───── Dataset extract

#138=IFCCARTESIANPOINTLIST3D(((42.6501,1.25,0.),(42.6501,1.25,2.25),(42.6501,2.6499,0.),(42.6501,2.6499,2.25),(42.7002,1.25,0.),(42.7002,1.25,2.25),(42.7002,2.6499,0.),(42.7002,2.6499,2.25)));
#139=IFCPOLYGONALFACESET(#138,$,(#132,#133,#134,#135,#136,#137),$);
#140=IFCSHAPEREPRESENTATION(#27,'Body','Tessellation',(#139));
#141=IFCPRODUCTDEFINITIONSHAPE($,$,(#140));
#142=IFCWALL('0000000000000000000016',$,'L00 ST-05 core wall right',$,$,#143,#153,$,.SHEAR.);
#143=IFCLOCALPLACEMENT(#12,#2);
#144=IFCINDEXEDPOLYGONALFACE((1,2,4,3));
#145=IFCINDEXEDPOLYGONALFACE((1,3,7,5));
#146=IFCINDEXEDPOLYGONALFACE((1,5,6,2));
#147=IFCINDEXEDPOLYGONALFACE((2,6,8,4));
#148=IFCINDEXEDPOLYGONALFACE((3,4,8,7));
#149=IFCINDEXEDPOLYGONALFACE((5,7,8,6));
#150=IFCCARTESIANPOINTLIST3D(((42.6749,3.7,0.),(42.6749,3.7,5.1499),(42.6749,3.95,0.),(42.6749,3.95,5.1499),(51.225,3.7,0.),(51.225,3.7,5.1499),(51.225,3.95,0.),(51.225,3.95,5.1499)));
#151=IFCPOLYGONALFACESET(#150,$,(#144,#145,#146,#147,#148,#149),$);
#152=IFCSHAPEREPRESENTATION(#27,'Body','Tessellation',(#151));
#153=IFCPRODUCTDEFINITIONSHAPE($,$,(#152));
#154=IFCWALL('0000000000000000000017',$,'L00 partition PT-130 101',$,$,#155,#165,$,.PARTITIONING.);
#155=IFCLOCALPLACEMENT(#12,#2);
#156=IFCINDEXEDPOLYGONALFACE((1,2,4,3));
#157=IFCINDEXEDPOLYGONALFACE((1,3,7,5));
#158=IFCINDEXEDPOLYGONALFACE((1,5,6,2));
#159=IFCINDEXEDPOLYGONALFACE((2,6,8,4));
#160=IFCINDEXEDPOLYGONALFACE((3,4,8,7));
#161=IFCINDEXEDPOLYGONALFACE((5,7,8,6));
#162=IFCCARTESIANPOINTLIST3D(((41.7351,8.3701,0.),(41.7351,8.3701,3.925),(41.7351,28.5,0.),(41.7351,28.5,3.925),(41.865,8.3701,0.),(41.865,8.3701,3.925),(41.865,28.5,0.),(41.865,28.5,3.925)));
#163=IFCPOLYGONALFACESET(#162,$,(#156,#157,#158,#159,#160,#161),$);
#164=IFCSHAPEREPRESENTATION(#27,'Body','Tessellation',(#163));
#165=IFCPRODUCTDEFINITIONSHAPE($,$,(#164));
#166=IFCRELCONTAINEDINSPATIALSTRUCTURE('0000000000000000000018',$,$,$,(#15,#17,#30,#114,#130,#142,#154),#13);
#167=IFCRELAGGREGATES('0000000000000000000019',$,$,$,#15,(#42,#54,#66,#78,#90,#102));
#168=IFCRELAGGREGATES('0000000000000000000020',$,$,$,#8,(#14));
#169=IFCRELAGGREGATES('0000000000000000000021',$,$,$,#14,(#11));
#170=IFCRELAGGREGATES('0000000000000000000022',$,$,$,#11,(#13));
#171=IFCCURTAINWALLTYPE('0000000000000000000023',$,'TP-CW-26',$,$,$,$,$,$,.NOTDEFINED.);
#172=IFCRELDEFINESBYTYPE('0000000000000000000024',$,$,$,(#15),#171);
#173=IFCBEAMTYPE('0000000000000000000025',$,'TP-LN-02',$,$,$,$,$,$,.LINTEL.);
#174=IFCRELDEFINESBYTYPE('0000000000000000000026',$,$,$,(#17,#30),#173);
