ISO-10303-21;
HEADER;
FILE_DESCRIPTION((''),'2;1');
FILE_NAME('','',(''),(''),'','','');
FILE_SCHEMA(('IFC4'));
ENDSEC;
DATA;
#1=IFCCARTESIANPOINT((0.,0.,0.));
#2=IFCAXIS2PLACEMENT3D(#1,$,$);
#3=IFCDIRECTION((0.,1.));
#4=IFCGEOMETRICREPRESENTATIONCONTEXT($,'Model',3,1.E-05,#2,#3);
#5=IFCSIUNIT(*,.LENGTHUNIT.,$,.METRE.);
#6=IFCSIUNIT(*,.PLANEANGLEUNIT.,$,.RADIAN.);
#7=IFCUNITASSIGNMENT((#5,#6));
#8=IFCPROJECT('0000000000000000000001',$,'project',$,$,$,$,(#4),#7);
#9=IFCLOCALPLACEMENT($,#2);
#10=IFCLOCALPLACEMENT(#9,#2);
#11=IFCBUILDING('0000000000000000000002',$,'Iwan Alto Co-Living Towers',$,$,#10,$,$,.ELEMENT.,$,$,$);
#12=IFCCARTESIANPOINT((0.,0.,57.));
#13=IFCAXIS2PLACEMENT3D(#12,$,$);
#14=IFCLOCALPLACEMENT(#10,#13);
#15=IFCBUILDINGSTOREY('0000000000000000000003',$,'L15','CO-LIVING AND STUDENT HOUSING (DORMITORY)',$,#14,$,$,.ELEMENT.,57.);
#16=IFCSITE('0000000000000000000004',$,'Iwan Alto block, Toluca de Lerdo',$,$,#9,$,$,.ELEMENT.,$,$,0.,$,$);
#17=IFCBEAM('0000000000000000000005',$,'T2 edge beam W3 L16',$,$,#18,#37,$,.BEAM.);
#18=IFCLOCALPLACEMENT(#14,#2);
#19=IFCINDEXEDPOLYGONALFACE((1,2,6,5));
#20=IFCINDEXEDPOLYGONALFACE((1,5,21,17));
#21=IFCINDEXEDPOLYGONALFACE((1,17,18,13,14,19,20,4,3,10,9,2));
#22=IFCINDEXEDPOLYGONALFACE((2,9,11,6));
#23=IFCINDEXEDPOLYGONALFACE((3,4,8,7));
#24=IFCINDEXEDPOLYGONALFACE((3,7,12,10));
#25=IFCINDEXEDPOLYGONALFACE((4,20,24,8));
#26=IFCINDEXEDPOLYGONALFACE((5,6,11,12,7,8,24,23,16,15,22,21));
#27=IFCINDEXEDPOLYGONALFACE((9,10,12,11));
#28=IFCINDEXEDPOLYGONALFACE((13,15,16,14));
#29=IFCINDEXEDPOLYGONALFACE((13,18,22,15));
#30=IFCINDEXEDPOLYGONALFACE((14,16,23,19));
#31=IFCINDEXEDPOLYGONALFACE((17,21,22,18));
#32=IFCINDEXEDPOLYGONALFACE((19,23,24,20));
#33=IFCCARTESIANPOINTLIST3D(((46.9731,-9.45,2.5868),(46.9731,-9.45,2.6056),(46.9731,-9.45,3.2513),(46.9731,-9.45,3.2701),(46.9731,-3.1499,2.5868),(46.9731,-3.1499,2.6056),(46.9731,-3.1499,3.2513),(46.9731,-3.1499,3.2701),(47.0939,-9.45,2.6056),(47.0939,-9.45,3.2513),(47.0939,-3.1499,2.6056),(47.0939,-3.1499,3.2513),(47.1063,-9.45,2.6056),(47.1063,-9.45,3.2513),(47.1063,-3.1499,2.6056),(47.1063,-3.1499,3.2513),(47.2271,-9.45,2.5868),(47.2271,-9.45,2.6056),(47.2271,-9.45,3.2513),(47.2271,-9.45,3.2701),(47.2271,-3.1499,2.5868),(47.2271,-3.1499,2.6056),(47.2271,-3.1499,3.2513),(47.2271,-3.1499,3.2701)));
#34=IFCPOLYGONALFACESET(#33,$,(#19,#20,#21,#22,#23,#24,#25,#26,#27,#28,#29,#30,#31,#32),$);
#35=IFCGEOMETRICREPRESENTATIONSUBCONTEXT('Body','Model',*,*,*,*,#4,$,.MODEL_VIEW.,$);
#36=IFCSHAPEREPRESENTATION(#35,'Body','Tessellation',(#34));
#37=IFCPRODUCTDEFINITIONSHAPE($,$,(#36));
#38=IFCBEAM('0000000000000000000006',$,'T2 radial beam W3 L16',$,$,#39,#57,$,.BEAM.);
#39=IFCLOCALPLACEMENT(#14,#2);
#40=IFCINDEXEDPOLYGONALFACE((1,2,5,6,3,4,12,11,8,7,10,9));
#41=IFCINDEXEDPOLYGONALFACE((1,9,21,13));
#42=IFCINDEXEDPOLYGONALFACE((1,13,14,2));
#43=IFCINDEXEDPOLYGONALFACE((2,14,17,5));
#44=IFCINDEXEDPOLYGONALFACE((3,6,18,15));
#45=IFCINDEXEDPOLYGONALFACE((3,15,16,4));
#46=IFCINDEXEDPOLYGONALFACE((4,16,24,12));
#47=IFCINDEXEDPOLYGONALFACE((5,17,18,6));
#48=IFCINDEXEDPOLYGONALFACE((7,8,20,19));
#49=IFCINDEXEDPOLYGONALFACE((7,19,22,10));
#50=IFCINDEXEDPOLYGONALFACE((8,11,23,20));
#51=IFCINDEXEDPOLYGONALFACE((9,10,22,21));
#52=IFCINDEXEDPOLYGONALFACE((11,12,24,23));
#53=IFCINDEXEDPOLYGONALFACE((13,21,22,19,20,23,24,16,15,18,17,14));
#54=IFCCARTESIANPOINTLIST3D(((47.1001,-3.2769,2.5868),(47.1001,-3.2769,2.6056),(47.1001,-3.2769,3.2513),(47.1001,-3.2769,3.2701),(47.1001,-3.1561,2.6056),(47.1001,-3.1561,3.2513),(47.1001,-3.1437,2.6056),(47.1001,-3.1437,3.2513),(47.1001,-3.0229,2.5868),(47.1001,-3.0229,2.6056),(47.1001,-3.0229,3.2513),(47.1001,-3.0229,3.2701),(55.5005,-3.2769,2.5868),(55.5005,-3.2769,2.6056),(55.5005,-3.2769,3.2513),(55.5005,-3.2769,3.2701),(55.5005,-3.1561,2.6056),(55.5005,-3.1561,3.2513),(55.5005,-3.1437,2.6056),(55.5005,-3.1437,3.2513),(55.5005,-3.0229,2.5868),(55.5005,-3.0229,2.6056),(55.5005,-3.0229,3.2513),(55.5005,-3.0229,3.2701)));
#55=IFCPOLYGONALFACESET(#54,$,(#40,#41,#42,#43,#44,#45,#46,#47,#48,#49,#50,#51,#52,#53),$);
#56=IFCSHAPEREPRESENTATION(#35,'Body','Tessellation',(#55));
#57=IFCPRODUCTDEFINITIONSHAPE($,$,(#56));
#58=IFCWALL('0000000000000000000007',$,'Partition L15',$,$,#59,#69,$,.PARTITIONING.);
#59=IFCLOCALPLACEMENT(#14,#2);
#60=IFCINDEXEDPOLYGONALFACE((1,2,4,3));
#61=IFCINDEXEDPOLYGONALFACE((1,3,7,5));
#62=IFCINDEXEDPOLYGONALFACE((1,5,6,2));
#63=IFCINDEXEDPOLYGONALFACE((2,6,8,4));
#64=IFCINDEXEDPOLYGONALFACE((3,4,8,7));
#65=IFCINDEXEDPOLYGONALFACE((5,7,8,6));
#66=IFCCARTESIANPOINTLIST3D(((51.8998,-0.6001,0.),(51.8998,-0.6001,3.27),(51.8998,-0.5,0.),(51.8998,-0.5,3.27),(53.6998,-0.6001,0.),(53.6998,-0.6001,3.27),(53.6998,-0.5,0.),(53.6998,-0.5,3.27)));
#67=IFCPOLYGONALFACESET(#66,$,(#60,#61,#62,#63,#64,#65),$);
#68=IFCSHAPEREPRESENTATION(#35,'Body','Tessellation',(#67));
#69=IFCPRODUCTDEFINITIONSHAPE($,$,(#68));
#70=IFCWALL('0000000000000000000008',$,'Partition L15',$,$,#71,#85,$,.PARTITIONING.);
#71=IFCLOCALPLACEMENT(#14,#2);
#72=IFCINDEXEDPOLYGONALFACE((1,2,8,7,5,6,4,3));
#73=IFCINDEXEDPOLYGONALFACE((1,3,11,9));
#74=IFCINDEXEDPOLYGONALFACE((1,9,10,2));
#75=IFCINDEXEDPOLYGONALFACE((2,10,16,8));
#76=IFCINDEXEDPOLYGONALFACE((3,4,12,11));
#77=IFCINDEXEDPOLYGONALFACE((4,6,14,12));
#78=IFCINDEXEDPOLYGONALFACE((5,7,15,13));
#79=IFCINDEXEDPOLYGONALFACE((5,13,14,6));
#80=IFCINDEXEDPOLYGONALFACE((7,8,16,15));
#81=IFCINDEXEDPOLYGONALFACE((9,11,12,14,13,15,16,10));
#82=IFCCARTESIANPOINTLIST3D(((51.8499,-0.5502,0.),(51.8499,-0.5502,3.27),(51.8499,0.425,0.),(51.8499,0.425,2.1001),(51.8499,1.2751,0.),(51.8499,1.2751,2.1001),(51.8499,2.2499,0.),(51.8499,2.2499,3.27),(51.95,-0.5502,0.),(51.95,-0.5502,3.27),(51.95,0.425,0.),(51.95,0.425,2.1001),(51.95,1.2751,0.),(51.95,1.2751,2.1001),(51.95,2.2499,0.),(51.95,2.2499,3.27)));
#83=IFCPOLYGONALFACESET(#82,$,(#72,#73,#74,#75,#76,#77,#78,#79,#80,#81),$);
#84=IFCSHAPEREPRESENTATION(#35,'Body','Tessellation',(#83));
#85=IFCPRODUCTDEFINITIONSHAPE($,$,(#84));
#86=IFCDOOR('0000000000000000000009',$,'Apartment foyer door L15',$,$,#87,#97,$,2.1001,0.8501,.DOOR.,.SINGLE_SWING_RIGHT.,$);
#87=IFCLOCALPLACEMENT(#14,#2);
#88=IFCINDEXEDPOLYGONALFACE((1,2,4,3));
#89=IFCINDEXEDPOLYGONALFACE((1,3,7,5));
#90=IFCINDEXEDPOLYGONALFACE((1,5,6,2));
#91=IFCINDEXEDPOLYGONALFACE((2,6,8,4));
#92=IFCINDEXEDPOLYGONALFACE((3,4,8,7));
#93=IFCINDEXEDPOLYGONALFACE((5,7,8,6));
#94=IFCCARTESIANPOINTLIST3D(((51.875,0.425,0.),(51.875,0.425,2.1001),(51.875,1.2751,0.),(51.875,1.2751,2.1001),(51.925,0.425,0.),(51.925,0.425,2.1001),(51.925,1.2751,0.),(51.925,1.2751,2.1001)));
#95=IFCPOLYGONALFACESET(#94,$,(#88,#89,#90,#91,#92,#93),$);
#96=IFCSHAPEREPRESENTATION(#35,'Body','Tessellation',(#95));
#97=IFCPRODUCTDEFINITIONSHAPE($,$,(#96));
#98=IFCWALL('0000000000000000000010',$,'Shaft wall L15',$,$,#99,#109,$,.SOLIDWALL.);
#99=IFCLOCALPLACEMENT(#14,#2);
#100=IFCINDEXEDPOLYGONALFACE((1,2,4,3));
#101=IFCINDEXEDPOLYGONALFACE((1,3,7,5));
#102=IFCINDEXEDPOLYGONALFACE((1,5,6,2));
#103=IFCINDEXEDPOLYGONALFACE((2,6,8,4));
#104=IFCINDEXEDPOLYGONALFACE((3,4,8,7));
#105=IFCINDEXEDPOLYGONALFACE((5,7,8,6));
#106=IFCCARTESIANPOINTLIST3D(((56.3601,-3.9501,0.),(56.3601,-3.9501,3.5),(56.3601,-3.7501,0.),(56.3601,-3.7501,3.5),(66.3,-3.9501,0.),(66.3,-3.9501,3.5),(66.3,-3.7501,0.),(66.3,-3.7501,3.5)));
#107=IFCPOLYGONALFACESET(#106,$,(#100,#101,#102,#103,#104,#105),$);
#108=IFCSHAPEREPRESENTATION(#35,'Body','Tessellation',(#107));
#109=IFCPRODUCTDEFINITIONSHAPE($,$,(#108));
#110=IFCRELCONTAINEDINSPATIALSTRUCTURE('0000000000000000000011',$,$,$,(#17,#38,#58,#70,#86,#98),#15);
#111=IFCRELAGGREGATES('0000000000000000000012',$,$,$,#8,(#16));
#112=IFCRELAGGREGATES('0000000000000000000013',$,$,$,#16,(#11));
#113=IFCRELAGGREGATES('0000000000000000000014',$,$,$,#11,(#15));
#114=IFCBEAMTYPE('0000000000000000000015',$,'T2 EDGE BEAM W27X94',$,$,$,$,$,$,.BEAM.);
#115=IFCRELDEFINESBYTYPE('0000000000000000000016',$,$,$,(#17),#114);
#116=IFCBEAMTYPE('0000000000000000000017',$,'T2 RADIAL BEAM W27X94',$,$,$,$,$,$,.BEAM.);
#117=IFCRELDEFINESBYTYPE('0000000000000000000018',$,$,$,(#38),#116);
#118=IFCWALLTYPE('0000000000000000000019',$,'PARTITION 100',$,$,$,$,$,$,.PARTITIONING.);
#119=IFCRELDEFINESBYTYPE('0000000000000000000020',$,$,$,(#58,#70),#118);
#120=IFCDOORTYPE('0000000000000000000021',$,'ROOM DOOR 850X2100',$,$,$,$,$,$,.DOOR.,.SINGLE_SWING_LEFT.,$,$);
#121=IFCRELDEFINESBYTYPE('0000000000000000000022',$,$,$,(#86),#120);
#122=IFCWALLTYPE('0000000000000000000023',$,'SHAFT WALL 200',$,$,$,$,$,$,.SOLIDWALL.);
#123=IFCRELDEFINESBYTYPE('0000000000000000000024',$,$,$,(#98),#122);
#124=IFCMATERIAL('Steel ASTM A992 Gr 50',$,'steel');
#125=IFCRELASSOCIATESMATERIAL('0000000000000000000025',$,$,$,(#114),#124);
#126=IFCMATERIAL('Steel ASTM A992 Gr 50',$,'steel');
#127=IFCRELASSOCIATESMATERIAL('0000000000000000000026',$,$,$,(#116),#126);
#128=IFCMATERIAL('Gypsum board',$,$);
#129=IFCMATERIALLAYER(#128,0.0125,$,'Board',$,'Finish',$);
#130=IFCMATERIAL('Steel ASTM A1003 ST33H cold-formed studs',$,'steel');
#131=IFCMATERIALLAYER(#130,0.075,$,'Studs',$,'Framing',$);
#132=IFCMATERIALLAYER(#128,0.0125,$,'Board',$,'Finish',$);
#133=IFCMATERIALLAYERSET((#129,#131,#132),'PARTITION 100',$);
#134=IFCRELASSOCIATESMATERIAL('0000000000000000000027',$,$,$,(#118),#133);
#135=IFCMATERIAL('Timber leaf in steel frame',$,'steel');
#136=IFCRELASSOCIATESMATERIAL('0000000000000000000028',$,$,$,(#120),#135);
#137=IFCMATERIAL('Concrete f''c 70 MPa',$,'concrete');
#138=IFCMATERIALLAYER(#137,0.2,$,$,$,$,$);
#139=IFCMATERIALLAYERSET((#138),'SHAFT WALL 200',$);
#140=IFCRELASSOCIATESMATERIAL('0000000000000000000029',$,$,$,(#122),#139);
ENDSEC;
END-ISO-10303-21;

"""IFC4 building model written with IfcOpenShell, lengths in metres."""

from ifc_helpers import new_model, si_unit, direction, frame, frame_2d, origin, origin_2d, place, context, subcontext, project, spatial, rectangle, i_section, extrude, material, layer, layer_set, material_profile, profile_set, type_object, element, fill, save


model = new_model("IFC4")

# Units and contexts
model_context = context("Model", 3, precision=1e-05, world=origin(), true_north=direction((0.0, 1.0)))
body_context = subcontext(model_context, "Body", "Model", "MODEL_VIEW")
ifc_project = project(units=[si_unit("LENGTHUNIT", "METRE"), si_unit("PLANEANGLEUNIT", "RADIAN")], contexts=[model_context])

# Site, building, storey
site_placement = place(None, origin())
site = spatial("IfcSite", under=ifc_project, at=site_placement, Name="Iwan Alto block, Toluca de Lerdo", CompositionType="ELEMENT", RefElevation=0.0)
building_placement = place(site_placement, origin())
building = spatial("IfcBuilding", under=site, at=building_placement, Name="Iwan Alto Co-Living Towers", CompositionType="ELEMENT")
storey_placement = place(building_placement, frame((0.0, 0.0, 57.0)))
storey = spatial("IfcBuildingStorey", under=building, at=storey_placement, Name="L15", Description="CO-LIVING AND STUDENT HOUSING (DORMITORY)", CompositionType="ELEMENT", Elevation=57.0)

──────────

■ Problem description
All that is wanted is the stretch of lines above from the one containing "#56=IFCSHAPEREPRESENTATION(#35,'Body','Tessellation',(#55));" through the one containing "#60=IFCINDEXEDPOLYGONALFACE((1,2,4,3));", duplicated exactly.

■ Answer box
#56=IFCSHAPEREPRESENTATION(#35,'Body','Tessellation',(#55));
#57=IFCPRODUCTDEFINITIONSHAPE($,$,(#56));
#58=IFCWALL('0000000000000000000007',$,'Partition L15',$,$,#59,#69,$,.PARTITIONING.);
#59=IFCLOCALPLACEMENT(#14,#2);
#60=IFCINDEXEDPOLYGONALFACE((1,2,4,3));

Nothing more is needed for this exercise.